▶ Extracted records:
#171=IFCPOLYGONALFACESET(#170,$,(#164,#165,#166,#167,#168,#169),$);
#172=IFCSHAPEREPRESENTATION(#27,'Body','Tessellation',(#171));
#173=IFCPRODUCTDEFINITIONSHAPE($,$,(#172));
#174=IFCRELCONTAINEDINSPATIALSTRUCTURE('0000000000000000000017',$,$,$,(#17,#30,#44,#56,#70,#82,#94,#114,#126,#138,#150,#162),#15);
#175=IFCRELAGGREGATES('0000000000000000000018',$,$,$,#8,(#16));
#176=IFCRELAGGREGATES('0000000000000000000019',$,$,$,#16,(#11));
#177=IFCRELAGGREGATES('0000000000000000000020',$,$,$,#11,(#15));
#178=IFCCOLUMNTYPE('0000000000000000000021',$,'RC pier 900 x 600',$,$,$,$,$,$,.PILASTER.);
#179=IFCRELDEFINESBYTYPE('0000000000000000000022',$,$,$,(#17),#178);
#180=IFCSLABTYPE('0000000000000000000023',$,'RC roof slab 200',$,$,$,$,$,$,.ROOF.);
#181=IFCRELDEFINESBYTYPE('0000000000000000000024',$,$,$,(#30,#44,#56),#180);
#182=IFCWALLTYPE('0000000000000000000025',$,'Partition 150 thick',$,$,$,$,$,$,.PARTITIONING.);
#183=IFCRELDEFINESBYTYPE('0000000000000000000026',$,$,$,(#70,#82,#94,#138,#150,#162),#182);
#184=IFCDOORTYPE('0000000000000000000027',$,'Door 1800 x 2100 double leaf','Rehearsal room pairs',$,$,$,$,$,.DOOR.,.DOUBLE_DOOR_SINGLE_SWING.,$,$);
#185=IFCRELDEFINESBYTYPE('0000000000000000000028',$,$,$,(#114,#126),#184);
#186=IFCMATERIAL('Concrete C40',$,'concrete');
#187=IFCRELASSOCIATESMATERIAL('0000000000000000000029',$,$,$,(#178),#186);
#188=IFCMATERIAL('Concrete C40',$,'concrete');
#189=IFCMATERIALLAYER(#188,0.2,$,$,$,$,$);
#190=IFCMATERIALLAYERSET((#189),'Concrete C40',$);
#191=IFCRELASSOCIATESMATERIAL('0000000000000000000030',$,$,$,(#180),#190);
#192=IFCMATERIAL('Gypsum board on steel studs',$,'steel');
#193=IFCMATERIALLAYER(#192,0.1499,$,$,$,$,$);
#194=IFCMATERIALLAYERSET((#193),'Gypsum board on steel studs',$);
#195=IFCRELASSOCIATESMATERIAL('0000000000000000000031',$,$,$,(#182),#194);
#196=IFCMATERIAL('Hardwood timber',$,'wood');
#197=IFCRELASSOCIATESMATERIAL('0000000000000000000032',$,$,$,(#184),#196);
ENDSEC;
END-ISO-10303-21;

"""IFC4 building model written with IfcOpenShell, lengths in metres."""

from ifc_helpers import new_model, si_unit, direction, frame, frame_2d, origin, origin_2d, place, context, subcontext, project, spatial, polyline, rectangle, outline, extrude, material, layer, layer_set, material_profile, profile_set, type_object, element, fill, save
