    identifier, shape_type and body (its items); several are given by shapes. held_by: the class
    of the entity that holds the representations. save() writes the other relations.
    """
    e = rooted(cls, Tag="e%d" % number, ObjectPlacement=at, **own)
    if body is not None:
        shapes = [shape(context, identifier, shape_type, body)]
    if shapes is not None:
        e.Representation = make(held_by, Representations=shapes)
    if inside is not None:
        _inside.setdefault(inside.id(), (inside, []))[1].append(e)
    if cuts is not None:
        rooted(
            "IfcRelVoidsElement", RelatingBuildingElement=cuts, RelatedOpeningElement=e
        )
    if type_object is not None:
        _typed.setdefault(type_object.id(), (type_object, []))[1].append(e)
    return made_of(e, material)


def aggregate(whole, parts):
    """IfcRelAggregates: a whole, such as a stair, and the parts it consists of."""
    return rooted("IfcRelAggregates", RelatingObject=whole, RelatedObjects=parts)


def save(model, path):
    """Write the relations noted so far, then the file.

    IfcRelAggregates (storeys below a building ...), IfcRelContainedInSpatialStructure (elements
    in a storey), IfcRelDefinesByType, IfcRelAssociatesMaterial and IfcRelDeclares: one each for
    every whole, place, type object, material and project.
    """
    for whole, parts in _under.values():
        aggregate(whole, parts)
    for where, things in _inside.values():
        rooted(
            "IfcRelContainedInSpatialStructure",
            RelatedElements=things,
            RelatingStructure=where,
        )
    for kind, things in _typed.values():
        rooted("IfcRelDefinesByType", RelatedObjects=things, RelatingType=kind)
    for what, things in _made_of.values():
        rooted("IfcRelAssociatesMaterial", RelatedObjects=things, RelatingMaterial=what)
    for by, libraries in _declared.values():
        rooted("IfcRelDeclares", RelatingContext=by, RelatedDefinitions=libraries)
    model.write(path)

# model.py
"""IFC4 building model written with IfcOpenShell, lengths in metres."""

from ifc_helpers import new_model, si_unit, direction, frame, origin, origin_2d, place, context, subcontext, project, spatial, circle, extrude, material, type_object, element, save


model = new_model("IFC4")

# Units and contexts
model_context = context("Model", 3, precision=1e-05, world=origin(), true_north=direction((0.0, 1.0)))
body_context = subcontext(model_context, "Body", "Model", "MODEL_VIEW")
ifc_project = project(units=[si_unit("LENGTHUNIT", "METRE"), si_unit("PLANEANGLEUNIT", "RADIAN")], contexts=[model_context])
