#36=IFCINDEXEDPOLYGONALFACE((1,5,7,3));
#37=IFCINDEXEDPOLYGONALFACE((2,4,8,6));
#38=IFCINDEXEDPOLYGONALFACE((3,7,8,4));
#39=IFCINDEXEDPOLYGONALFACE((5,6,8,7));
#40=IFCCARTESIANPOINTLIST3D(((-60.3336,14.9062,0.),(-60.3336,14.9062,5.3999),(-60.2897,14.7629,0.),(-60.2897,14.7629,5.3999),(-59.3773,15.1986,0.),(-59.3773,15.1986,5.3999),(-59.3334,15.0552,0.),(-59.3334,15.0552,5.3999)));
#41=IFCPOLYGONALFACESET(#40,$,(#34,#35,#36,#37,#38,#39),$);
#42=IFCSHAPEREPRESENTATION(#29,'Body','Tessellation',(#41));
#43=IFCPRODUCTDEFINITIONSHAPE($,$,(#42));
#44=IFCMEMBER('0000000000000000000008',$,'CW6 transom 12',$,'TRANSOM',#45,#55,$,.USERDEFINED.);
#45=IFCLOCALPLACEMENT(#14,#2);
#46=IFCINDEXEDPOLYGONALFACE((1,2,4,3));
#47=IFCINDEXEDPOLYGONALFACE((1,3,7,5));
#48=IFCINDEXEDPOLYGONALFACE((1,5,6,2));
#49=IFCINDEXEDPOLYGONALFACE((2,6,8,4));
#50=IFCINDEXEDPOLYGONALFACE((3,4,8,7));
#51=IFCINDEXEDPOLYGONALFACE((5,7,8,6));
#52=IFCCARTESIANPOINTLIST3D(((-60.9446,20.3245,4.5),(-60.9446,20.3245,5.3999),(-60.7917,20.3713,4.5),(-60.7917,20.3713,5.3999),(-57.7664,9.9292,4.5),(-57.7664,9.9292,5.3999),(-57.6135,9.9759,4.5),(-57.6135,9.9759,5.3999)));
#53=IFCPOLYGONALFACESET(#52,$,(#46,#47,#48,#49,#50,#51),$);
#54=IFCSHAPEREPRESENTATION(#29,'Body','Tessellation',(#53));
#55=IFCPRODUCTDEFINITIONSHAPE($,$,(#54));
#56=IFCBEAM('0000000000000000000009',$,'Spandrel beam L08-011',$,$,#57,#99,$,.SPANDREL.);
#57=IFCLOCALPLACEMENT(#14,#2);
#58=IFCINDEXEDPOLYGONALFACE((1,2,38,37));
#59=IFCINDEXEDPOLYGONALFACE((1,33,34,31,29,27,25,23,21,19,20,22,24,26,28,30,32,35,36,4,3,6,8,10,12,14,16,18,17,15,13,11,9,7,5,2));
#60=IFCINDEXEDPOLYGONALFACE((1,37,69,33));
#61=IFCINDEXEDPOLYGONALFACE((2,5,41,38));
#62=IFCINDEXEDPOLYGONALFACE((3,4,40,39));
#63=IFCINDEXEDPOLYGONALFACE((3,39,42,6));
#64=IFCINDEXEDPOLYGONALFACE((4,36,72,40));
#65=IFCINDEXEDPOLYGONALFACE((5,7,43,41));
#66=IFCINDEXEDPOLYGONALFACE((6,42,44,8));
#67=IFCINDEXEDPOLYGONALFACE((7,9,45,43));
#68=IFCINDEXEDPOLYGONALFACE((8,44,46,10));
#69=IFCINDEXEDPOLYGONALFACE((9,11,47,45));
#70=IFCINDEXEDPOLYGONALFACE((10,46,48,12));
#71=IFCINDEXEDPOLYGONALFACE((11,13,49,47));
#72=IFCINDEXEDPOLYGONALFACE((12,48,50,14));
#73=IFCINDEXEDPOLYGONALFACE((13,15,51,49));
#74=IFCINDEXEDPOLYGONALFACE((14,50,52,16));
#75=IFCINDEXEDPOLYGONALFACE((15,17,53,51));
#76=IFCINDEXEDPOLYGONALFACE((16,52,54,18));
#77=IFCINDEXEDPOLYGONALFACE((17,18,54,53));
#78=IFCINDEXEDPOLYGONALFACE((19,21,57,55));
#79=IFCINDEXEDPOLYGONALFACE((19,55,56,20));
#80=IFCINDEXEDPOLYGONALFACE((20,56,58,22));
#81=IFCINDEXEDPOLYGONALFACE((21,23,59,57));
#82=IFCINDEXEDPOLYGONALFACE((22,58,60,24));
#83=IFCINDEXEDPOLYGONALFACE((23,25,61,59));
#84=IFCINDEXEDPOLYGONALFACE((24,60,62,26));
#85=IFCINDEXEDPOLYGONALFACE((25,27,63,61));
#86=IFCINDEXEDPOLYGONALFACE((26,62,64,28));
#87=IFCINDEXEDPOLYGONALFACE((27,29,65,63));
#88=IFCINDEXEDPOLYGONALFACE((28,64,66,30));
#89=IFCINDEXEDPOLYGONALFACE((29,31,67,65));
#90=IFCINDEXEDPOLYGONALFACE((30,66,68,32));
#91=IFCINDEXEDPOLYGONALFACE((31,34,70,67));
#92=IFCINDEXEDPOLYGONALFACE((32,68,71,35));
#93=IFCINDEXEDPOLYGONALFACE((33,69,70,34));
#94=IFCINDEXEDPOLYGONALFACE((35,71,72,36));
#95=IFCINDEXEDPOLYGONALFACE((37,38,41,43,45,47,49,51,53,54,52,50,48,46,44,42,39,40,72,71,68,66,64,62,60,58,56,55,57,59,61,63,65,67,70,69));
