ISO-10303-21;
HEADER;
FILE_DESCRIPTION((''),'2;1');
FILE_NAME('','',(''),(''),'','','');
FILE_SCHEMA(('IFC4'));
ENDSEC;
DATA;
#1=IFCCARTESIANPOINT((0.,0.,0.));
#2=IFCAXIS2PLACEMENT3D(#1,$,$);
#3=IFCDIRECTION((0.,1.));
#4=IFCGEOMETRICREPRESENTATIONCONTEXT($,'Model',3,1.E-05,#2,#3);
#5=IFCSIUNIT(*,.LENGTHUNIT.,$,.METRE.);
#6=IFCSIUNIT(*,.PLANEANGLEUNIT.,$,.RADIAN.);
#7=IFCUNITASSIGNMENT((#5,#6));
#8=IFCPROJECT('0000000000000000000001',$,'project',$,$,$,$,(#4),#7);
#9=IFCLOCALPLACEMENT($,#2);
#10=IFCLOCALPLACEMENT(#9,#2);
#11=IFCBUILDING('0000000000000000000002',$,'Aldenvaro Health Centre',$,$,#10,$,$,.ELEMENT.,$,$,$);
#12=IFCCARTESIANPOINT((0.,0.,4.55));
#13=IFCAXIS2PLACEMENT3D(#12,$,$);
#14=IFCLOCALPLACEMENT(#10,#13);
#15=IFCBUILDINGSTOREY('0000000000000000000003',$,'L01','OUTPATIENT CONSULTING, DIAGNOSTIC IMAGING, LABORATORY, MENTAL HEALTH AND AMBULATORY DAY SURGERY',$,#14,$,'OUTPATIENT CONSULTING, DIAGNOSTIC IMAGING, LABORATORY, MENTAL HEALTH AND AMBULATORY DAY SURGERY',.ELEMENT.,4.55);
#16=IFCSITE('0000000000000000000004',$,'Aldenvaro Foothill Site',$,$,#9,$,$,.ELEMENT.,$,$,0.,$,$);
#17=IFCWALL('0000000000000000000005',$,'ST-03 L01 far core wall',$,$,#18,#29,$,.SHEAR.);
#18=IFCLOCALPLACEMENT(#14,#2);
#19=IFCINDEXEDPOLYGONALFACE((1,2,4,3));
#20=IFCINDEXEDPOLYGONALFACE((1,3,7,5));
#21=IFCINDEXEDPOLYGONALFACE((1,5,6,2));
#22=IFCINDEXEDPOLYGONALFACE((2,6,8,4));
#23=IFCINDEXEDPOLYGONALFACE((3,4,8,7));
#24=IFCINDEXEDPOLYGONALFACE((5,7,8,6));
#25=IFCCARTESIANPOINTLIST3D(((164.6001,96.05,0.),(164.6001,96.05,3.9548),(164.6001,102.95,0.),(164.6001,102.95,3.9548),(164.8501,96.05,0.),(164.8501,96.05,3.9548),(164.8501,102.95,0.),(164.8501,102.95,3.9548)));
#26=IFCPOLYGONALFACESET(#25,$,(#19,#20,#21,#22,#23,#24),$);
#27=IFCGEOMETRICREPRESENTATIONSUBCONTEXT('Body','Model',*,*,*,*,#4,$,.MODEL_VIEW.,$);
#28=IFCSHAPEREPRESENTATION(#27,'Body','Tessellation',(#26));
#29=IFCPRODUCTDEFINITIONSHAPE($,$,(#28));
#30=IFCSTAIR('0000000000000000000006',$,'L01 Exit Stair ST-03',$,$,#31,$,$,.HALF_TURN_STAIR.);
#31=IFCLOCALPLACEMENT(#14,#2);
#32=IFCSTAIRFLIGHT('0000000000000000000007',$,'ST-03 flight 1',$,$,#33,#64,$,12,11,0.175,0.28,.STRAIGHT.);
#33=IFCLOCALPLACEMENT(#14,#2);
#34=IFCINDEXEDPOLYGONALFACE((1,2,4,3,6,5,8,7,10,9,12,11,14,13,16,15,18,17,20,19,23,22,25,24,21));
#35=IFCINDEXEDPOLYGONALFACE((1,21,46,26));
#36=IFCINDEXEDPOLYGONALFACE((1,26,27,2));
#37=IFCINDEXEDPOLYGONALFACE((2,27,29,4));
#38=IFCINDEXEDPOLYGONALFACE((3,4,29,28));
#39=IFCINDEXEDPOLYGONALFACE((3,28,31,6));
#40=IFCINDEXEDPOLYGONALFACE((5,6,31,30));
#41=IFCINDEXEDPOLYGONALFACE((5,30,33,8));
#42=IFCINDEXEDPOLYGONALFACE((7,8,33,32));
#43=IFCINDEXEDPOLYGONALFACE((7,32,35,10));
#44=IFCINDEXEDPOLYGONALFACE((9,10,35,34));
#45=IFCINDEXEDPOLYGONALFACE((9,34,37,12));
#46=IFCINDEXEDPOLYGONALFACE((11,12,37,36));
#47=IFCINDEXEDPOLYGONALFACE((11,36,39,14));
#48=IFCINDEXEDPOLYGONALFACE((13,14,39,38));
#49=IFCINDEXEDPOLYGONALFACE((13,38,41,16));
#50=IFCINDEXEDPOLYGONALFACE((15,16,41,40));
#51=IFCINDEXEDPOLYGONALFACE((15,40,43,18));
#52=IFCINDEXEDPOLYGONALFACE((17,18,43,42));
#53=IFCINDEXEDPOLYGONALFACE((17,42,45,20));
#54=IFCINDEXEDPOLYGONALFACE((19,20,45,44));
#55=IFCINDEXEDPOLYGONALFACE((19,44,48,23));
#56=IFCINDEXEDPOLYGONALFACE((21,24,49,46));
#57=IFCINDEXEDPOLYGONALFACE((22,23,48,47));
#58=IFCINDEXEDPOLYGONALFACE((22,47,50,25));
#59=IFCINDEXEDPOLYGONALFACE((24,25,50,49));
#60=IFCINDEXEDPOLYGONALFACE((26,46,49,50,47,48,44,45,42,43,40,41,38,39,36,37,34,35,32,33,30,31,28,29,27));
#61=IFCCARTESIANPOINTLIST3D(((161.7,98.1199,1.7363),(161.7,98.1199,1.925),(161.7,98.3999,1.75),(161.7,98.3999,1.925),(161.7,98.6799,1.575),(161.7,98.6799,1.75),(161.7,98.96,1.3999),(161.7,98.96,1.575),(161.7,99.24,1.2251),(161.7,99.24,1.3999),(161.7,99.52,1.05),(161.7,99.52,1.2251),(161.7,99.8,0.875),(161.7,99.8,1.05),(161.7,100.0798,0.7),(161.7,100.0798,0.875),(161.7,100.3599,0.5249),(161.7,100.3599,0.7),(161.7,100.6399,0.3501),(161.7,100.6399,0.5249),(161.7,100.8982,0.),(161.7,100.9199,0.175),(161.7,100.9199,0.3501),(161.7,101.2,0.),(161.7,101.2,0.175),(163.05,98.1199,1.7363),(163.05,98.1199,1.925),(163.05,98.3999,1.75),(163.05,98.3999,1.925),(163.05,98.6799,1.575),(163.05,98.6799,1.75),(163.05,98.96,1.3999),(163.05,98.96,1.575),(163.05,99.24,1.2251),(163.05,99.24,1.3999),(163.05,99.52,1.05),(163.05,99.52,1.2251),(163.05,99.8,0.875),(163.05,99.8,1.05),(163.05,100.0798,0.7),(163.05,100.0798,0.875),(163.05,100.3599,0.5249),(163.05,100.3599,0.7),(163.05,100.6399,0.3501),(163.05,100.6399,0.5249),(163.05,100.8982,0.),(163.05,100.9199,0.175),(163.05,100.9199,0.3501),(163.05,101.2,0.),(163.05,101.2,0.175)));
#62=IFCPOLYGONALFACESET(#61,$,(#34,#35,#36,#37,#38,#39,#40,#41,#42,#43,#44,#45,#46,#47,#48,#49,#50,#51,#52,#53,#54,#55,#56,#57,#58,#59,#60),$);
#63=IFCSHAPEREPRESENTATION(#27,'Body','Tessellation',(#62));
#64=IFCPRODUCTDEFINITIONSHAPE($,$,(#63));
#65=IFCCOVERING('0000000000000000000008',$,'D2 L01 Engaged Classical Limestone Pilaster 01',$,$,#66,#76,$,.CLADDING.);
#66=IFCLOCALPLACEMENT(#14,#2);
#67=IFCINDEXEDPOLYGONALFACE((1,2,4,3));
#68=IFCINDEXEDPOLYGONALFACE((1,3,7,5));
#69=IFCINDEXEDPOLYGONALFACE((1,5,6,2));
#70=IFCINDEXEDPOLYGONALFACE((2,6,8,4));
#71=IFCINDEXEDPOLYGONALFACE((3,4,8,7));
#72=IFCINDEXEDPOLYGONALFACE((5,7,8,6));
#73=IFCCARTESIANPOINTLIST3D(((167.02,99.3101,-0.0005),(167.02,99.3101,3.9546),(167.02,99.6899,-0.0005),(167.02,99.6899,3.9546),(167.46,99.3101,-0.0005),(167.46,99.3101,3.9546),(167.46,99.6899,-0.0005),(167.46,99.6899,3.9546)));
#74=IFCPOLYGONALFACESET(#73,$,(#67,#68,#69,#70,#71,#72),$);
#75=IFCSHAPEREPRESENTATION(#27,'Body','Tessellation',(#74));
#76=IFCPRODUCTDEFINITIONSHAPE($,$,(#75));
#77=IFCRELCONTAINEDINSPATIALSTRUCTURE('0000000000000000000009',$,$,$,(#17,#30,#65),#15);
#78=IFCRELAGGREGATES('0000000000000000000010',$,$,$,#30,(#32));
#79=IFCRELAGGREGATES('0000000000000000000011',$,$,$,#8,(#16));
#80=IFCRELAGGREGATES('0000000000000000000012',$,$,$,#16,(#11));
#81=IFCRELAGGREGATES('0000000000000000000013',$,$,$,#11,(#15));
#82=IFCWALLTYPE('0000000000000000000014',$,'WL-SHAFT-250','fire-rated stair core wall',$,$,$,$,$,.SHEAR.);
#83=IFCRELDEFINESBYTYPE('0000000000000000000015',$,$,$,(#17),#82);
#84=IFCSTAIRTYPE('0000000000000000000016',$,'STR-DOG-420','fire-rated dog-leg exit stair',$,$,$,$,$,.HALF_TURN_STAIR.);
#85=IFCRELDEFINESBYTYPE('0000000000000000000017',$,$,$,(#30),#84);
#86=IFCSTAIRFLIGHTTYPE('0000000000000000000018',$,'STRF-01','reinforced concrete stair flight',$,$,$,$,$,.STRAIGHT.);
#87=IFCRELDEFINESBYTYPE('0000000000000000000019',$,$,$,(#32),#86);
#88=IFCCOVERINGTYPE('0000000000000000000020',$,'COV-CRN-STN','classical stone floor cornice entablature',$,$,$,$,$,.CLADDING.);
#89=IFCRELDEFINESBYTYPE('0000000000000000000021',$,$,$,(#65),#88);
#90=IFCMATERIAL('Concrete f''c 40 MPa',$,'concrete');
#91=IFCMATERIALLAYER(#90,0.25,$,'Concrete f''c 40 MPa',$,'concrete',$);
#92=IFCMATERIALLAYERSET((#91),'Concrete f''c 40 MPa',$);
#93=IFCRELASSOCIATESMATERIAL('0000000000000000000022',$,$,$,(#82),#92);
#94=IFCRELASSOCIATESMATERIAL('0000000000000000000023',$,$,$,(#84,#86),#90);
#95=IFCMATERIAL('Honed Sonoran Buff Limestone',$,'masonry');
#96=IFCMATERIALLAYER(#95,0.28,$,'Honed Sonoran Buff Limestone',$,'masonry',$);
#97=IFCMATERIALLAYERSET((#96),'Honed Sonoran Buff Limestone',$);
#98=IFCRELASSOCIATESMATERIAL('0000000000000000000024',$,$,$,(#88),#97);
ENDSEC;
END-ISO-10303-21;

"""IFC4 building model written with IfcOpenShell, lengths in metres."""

from ifc_helpers import new_model, si_unit, direction, frame, frame_2d, origin, origin_2d, place, context, subcontext, project, spatial, polyline, rectangle, outline, extrude, material, layer, layer_set, type_object, element, aggregate, save


model = new_model("IFC4")

# Units and contexts
model_context = context("Model", 3, precision=1e-05, world=origin(), true_north=direction((0.0, 1.0)))
body_context = subcontext(model_context, "Body", "Model", "MODEL_VIEW")
ifc_project = project(units=[si_unit("LENGTHUNIT", "METRE"), si_unit("PLANEANGLEUNIT", "RADIAN")], contexts=[model_context])

# Site, building, storey
site_placement = place(None, origin())
site = spatial("IfcSite", under=ifc_project, at=site_placement, Name="Aldenvaro Foothill Site", CompositionType="ELEMENT", RefElevation=0.0)
building_placement = place(site_placement, origin())
building = spatial("IfcBuilding", under=site, at=building_placement, Name="Aldenvaro Health Centre", CompositionType="ELEMENT")
storey_placement = place(building_placement, frame((0.0, 0.0, 4.55)))
storey = spatial("IfcBuildingStorey", under=building, at=storey_placement, Name="L01", Description="OUTPATIENT CONSULTING, DIAGNOSTIC IMAGING, LABORATORY, MENTAL HEALTH AND AMBULATORY DAY SURGERY", LongName="OUTPATIENT CONSULTING, DIAGNOSTIC IMAGING, LABORATORY, MENTAL HEALTH AND AMBULATORY DAY SURGERY", CompositionType="ELEMENT", Elevation=4.55)

# Wall
ifc_material_1 = material(Name="Concrete f'c 40 MPa", Category="concrete")
ifc_layer_1 = layer(ifc_material_1, 0.25, Name="Concrete f'c 40 MPa", Category="concrete")
ifc_layer_set_1 = layer_set([ifc_layer_1], Name="Concrete f'c 40 MPa")
wall_type_1 = type_object("IfcWallType", Name="WL-SHAFT-250", Description="fire-rated stair core wall", PredefinedType="SHEAR", material=ifc_layer_set_1)
wall_placement = place(storey_placement, frame((164.7251, 102.95, 0.0), z_axis=(0.0, 0.0, 1.0), x_axis=(0.0, -1.0, 0.0)))
element("IfcWall", 1, at=wall_placement, inside=storey, type_object=wall_type_1, Name="ST-03 L01 far core wall", PredefinedType="SHEAR", context=body_context, shape_type="SweptSolid", body=[
    extrude(rectangle(XDim=6.8999, YDim=0.25, at=frame_2d((3.45, 0.0))), origin(), (0.0, 0.0, 1.0), 3.9548),
])

# Stair, stair flight
stair_type = type_object("IfcStairType", Name="STR-DOG-420", Description="fire-rated dog-leg exit stair", PredefinedType="HALF_TURN_STAIR", material=ifc_material_1)
stair_placement = place(storey_placement, origin())
stair = element("IfcStair", 2, at=stair_placement, inside=storey, type_object=stair_type, Name="L01 Exit Stair ST-03", PredefinedType="HALF_TURN_STAIR")
stair_flight_type = type_object("IfcStairFlightType", Name="STRF-01", Description="reinforced concrete stair flight", PredefinedType="STRAIGHT", material=ifc_material_1)
stair_flight_placement = place(storey_placement, frame((162.375, 101.2, 0.0), z_axis=(0.0, 0.0, 1.0), x_axis=(0.0, -1.0, 0.0)))
stair_flight = element("IfcStairFlight", 3, at=stair_flight_placement, type_object=stair_flight_type, Name="ST-03 flight 1", NumberOfRisers=12, NumberOfTreads=11, PredefinedType="STRAIGHT", RiserHeight=0.175, TreadLength=0.28, context=body_context, shape_type="SweptSolid", body=[
    extrude(outline(polyline([(0.0, 0.0), (0.0, 0.175), (0.28, 0.175), (0.28, 0.3501), (0.5601, 0.3501), (0.5601, 0.5249), (0.8401, 0.5249), (0.8401, 0.7), (1.1201, 0.7), (1.1201, 0.875), (1.3999, 0.875), (1.3999, 1.05), (1.6799, 1.05), (1.6799, 1.2251), (1.96, 1.2251), (1.96, 1.3999), (2.24, 1.3999), (2.24, 1.575), (2.52, 1.575), (2.52, 1.75), (2.8, 1.75), (2.8, 1.925), (3.0801, 1.925), (3.0801, 2.1001), (3.0801, 1.7363), (0.3018, 0.0), (0.0, 0.0)])), frame((0.0, 0.675, 0.0), z_axis=(0.0, -1.0, 0.0), x_axis=(1.0, 0.0, 0.0)), (0.0, 0.0, 1.0), 1.3501),
])
aggregate(stair, [stair_flight])

# Covering
ifc_material_2 = material(Name="Honed Sonoran Buff Limestone", Category="masonry")
ifc_layer_2 = layer(ifc_material_2, 0.28, Name="Honed Sonoran Buff Limestone", Category="masonry")
ifc_layer_set_2 = layer_set([ifc_layer_2], Name="Honed Sonoran Buff Limestone")
covering_type = type_object("IfcCoveringType", Name="COV-CRN-STN", Description="classical stone floor cornice entablature", PredefinedType="CLADDING", material=ifc_layer_set_2)
covering_placement = place(storey_placement, frame((167.24, 99.5, -0.0005), z_axis=(0.0, 0.0, 1.0), x_axis=(1.0, 0.0, 0.0)))
element("IfcCovering", 4, at=covering_placement, inside=storey, type_object=covering_type, Name="D2 L01 Engaged Classical Limestone Pilaster 01", PredefinedType="CLADDING", context=body_context, shape_type="SweptSolid", body=[
    extrude(rectangle(XDim=0.4399, YDim=0.3799, at=origin_2d()), origin(), (0.0, 0.0, 1.0), 3.9551),
])

save(model, "model.ifc")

▶ Required action:
In the listing above, find the line with "#30=IFCSTAIR('0000000000000000000006',$,'L01 Exit Stair" and the line with "#45=IFCINDEXEDPOLYGONALFACE((9,34,37,12));", then print exactly those lines and every line between them.

▶ Exercise solution:
#30=IFCSTAIR('0000000000000000000006',$,'L01 Exit Stair ST-03',$,$,#31,$,$,.HALF_TURN_STAIR.);
#31=IFCLOCALPLACEMENT(#14,#2);
#32=IFCSTAIRFLIGHT('0000000000000000000007',$,'ST-03 flight 1',$,$,#33,#64,$,12,11,0.175,0.28,.STRAIGHT.);
#33=IFCLOCALPLACEMENT(#14,#2);
#34=IFCINDEXEDPOLYGONALFACE((1,2,4,3,6,5,8,7,10,9,12,11,14,13,16,15,18,17,20,19,23,22,25,24,21));
#35=IFCINDEXEDPOLYGONALFACE((1,21,46,26));
#36=IFCINDEXEDPOLYGONALFACE((1,26,27,2));
#37=IFCINDEXEDPOLYGONALFACE((2,27,29,4));
#38=IFCINDEXEDPOLYGONALFACE((3,4,29,28));
#39=IFCINDEXEDPOLYGONALFACE((3,28,31,6));
#40=IFCINDEXEDPOLYGONALFACE((5,6,31,30));
#41=IFCINDEXEDPOLYGONALFACE((5,30,33,8));
#42=IFCINDEXEDPOLYGONALFACE((7,8,33,32));
#43=IFCINDEXEDPOLYGONALFACE((7,32,35,10));
#44=IFCINDEXEDPOLYGONALFACE((9,10,35,34));
#45=IFCINDEXEDPOLYGONALFACE((9,34,37,12));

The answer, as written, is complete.